# Extracted material
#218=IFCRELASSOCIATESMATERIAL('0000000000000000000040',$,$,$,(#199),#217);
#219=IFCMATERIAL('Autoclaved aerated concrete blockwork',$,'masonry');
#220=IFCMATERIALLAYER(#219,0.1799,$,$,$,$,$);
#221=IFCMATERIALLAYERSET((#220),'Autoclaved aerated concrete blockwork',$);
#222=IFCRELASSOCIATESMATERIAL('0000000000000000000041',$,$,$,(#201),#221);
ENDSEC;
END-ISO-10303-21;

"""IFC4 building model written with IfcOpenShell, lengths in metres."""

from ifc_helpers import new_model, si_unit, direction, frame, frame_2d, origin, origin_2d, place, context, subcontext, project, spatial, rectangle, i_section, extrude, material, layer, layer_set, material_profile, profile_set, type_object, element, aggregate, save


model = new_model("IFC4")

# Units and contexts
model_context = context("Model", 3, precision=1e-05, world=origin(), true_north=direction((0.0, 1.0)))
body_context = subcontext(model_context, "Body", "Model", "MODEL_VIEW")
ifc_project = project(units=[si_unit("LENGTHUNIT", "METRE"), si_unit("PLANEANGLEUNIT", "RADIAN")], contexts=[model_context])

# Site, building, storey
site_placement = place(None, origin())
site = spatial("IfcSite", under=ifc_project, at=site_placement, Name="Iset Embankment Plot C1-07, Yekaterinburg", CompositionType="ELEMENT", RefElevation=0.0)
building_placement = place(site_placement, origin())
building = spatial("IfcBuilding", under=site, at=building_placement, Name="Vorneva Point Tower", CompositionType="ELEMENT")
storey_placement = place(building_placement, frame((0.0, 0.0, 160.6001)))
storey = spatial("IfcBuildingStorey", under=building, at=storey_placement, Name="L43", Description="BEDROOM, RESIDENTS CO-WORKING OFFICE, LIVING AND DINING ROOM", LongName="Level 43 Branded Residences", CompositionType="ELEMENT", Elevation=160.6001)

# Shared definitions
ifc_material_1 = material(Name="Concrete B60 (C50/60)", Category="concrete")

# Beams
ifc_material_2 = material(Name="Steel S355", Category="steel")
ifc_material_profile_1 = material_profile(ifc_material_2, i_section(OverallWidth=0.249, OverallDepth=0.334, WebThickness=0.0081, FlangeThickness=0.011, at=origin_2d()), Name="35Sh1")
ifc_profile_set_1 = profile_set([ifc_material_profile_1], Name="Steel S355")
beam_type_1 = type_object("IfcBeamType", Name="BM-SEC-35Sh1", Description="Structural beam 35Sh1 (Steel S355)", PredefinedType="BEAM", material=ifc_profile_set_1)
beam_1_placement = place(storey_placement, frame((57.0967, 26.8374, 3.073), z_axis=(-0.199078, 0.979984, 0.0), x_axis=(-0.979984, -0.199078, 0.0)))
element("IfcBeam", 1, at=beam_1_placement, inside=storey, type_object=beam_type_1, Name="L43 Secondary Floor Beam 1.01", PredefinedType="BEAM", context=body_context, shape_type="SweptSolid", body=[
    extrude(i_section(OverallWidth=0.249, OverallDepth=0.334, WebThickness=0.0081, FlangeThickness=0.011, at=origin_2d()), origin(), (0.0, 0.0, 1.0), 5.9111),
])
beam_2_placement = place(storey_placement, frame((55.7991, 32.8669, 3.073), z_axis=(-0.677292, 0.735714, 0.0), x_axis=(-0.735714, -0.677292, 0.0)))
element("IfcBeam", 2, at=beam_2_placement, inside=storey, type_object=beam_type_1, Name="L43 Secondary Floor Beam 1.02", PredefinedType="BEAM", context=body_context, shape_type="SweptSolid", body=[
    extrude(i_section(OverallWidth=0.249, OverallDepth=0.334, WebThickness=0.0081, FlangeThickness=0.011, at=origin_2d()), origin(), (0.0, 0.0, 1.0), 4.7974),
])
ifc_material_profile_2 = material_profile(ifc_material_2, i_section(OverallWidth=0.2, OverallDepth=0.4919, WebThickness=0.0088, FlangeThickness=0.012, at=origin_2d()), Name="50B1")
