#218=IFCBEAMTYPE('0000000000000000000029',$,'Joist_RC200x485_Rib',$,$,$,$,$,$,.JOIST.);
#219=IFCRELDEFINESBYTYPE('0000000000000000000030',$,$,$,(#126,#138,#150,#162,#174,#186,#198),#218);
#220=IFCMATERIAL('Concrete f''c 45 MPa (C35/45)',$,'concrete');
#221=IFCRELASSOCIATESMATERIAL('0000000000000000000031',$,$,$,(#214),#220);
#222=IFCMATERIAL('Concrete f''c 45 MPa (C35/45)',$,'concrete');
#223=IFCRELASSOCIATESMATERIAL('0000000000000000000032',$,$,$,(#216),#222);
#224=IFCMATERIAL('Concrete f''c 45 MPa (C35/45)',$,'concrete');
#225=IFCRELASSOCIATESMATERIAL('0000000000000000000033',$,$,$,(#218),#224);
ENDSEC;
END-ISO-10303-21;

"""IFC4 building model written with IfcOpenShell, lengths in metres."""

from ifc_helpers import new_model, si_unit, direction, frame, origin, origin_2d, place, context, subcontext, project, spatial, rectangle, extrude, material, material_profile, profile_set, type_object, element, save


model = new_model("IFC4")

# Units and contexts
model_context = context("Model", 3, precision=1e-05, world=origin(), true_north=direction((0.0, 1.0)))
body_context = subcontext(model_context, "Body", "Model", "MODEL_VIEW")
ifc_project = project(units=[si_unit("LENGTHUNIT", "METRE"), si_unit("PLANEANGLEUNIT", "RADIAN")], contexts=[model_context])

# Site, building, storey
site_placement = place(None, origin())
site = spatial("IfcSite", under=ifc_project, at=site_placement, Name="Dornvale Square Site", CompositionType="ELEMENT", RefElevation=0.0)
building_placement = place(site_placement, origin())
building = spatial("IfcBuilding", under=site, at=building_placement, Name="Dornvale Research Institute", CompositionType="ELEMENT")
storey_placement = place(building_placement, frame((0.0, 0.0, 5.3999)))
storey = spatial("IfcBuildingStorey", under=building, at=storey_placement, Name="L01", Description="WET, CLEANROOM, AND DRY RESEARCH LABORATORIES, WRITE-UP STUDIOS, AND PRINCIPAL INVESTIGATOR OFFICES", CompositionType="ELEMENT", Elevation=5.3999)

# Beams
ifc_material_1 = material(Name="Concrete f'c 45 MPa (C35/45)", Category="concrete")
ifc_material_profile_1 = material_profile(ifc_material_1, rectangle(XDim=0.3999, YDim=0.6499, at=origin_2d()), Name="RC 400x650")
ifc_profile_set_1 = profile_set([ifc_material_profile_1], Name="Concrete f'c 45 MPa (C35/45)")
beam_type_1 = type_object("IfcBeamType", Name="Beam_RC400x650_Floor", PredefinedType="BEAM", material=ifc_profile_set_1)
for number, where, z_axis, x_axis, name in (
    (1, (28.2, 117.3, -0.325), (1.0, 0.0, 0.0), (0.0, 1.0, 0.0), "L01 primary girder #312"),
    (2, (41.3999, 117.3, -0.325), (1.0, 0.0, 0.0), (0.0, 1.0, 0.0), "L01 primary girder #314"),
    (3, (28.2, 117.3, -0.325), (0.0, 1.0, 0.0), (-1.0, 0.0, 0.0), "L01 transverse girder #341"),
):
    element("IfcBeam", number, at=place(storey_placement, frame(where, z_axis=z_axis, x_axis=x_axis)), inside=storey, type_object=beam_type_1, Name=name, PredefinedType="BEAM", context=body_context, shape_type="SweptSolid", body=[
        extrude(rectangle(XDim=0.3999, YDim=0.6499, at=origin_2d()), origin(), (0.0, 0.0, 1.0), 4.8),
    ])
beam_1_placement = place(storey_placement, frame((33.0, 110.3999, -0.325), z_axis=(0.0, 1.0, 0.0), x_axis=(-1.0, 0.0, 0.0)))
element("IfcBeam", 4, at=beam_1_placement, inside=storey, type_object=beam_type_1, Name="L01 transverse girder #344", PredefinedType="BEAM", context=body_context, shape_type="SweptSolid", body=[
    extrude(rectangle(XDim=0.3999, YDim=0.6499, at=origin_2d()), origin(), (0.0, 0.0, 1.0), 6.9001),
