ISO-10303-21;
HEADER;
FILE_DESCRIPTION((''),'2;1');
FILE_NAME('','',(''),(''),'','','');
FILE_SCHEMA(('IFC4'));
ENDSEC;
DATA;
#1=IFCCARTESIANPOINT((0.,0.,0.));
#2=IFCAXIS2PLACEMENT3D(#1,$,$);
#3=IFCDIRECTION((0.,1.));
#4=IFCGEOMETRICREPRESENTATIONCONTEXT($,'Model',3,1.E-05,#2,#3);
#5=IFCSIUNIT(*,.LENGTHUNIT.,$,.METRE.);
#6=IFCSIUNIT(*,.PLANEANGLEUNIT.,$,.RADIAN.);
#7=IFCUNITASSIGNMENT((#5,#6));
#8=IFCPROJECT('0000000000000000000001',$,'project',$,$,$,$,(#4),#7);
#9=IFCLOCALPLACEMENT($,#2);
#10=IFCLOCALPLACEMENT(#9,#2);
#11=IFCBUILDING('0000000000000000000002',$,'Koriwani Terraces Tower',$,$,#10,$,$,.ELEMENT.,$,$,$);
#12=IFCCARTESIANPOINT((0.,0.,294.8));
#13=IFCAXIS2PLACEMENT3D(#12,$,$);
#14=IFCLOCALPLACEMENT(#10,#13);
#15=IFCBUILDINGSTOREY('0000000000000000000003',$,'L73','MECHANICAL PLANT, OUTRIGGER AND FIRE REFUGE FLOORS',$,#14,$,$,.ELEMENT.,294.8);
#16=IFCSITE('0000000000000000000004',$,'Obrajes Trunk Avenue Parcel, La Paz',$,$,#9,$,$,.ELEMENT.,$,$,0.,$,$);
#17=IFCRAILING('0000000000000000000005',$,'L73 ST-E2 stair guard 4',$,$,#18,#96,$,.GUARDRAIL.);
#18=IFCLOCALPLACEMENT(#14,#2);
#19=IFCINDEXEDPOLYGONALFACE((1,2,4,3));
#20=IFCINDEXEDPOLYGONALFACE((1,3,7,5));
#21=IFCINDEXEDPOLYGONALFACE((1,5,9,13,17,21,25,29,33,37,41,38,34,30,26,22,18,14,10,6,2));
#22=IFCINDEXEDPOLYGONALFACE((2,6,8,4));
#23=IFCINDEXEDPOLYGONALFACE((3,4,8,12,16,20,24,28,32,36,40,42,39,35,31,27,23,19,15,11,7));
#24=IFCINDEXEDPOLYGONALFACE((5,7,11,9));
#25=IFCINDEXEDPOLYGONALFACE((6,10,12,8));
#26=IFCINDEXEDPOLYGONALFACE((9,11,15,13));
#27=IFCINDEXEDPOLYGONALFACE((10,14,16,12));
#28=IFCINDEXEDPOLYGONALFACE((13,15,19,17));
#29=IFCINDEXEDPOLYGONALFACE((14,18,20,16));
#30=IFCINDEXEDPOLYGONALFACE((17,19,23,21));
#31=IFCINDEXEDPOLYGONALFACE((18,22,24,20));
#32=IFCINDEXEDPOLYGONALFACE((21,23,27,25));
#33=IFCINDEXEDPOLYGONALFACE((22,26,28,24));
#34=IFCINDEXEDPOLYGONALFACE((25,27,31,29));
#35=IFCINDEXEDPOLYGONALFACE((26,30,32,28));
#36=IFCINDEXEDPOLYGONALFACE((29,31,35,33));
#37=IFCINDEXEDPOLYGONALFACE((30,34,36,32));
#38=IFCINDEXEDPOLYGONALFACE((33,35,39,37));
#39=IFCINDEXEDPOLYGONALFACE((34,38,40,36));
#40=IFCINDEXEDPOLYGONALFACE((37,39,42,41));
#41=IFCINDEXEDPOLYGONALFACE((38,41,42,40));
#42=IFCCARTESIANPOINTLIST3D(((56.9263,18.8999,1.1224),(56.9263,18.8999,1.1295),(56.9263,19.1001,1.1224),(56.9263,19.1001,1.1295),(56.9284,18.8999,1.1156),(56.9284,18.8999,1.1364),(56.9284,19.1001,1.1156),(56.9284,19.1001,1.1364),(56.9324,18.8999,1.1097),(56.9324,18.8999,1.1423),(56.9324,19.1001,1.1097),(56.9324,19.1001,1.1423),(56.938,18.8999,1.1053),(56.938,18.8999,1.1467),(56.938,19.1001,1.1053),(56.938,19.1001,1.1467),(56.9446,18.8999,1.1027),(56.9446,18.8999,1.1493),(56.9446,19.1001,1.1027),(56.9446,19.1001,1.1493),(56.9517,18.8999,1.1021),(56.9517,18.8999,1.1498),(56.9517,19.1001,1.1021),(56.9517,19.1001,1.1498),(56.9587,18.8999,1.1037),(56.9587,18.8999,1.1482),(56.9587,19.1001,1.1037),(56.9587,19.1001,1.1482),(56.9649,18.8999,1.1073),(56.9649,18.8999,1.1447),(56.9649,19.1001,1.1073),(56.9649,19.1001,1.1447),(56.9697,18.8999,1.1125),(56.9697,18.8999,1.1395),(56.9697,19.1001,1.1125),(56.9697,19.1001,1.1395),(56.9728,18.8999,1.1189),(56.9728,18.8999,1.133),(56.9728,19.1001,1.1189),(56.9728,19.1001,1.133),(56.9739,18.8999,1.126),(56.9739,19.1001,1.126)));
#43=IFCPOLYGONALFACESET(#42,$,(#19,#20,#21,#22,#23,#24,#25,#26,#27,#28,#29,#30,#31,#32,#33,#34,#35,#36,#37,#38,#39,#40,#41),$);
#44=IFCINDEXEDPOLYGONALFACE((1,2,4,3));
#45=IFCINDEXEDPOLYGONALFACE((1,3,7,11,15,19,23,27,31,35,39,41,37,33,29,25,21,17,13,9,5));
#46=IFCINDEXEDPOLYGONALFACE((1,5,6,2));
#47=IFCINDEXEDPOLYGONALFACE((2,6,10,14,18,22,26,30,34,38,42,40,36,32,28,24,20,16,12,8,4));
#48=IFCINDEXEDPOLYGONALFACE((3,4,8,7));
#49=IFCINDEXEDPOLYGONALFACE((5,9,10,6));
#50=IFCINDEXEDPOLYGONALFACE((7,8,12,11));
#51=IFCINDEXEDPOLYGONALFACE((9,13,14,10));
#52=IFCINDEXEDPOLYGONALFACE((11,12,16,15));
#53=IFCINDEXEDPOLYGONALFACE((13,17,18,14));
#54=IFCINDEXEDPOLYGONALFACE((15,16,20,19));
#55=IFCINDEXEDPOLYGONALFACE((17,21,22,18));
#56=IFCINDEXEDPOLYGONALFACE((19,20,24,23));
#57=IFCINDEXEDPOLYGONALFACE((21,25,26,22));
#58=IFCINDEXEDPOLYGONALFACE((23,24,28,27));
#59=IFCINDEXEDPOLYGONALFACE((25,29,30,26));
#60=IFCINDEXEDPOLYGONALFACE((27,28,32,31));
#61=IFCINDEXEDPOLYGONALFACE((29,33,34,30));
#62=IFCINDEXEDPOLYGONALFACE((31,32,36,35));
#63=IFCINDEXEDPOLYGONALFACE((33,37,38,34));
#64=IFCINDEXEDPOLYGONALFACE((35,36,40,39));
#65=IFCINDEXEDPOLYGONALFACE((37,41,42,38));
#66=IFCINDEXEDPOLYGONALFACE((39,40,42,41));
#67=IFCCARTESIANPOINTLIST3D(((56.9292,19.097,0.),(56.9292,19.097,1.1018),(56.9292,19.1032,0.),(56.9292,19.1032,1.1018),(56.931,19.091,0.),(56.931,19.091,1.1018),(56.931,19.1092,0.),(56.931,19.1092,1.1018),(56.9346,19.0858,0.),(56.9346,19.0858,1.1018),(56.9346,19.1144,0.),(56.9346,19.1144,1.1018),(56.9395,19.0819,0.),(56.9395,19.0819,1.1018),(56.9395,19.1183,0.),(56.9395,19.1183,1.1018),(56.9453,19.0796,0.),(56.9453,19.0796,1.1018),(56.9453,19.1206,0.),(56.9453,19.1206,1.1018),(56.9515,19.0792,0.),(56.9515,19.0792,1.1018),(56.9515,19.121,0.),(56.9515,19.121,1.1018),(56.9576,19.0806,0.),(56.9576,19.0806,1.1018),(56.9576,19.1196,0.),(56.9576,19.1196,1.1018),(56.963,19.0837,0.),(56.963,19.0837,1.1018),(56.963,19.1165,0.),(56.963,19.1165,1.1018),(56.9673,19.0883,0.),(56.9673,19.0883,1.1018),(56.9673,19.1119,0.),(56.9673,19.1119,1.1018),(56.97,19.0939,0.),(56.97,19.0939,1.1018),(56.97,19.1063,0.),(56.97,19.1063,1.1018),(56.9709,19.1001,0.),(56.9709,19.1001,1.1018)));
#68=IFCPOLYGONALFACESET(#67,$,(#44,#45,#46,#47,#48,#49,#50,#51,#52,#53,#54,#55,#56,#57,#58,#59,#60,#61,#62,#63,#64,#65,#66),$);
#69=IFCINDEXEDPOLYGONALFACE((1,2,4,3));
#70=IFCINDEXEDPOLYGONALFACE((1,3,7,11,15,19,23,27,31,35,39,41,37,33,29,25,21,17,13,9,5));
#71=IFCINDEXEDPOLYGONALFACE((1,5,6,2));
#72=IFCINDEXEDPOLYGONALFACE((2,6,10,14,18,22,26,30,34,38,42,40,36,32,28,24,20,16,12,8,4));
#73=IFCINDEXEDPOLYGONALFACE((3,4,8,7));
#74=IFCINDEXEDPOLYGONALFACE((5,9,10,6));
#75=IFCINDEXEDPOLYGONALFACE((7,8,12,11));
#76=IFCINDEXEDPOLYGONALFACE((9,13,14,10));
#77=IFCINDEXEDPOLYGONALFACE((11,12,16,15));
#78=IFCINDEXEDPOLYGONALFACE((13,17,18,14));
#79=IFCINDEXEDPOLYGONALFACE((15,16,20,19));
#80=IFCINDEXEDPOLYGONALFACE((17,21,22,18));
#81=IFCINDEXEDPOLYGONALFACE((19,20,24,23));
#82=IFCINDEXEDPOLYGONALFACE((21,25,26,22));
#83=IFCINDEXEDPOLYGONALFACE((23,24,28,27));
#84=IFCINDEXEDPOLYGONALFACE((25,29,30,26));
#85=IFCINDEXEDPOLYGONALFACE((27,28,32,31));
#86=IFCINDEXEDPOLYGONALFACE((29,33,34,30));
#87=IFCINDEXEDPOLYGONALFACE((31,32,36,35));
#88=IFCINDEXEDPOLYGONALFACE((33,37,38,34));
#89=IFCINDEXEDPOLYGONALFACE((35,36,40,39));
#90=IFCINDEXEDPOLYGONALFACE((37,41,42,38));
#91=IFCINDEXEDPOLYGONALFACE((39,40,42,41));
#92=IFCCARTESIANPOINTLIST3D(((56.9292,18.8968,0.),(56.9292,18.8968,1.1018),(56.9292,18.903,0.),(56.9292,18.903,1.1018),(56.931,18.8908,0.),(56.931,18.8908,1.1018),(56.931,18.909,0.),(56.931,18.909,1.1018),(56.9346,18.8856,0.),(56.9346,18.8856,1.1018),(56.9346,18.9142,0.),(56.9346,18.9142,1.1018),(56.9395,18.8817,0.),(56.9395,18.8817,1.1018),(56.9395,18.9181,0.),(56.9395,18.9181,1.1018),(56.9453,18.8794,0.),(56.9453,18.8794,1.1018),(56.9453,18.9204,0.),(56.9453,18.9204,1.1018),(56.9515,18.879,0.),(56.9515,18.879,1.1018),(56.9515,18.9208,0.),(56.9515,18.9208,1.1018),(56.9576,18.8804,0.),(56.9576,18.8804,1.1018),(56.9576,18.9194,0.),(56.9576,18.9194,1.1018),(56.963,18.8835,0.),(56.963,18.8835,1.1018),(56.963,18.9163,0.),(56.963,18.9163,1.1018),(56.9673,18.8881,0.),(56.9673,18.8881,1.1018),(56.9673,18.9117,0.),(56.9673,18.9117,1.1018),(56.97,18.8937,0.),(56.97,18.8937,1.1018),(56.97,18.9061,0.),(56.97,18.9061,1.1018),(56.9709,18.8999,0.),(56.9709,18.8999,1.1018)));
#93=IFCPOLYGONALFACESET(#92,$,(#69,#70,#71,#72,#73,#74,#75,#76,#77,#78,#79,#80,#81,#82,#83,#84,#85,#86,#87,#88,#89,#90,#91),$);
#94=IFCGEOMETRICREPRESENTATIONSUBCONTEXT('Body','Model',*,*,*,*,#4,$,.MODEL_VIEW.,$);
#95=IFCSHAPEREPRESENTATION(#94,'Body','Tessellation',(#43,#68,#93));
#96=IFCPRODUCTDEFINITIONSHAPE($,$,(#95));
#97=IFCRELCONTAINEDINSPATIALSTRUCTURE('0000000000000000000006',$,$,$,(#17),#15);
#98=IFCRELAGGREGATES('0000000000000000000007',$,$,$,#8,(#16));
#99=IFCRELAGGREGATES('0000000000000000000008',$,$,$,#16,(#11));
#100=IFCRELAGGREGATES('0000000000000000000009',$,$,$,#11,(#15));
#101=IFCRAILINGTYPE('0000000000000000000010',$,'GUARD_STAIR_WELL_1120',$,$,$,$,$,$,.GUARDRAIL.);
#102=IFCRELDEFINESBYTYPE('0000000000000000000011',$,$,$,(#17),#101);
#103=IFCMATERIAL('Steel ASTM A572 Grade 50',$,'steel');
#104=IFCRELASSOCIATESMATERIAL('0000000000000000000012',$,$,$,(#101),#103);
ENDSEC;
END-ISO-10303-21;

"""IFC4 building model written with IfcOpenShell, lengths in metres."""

from ifc_helpers import new_model, si_unit, direction, frame, origin, origin_2d, place, context, subcontext, project, spatial, circle, extrude, material, type_object, element, save


model = new_model("IFC4")

# Units and contexts
model_context = context("Model", 3, precision=1e-05, world=origin(), true_north=direction((0.0, 1.0)))
body_context = subcontext(model_context, "Body", "Model", "MODEL_VIEW")
ifc_project = project(units=[si_unit("LENGTHUNIT", "METRE"), si_unit("PLANEANGLEUNIT", "RADIAN")], contexts=[model_context])

# Site, building, storey
site_placement = place(None, origin())
site = spatial("IfcSite", under=ifc_project, at=site_placement, Name="Obrajes Trunk Avenue Parcel, La Paz", CompositionType="ELEMENT", RefElevation=0.0)
building_placement = place(site_placement, origin())
building = spatial("IfcBuilding", under=site, at=building_placement, Name="Koriwani Terraces Tower", CompositionType="ELEMENT")
storey_placement = place(building_placement, frame((0.0, 0.0, 294.8)))
storey = spatial("IfcBuildingStorey", under=building, at=storey_placement, Name="L73", Description="MECHANICAL PLANT, OUTRIGGER AND FIRE REFUGE FLOORS", CompositionType="ELEMENT", Elevation=294.8)

# Shared definitions
ifc_material_1 = material(Name="Steel ASTM A572 Grade 50", Category="steel")

# Railing
railing_type_1 = type_object("IfcRailingType", Name="GUARD_STAIR_WELL_1120", PredefinedType="GUARDRAIL", material=ifc_material_1)
railing_1_placement = place(storey_placement, frame((56.95, 19.1001, 0.0)))
element("IfcRailing", 1, at=railing_1_placement, inside=storey, type_object=railing_type_1, Name="L73 ST-E2 stair guard 4", PredefinedType="GUARDRAIL", context=body_context, shape_type="SweptSolid", body=[
    extrude(circle(Radius=0.0239, at=origin_2d()), frame((0.0, 0.0, 1.126), z_axis=(0.0, -1.0, 0.0), x_axis=(1.0, 0.0, 0.0)), (0.0, 0.0, 1.0), 0.2002),
    extrude(circle(Radius=0.021, at=origin_2d()), origin(), (0.0, 0.0, 1.0), 1.1018),
    extrude(circle(Radius=0.021, at=origin_2d()), frame((0.0, -0.2002, 0.0)), (0.0, 0.0, 1.0), 1.1018),
])

save(model, "model.ifc")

# Work to be completed
In the lines above, find each one with "primary" and list it.

# Problem solution
    (1, (28.2, 117.3, -0.325), (1.0, 0.0, 0.0), (0.0, 1.0, 0.0), "L01 primary girder #312"),
    (2, (41.3999, 117.3, -0.325), (1.0, 0.0, 0.0), (0.0, 1.0, 0.0), "L01 primary girder #314"),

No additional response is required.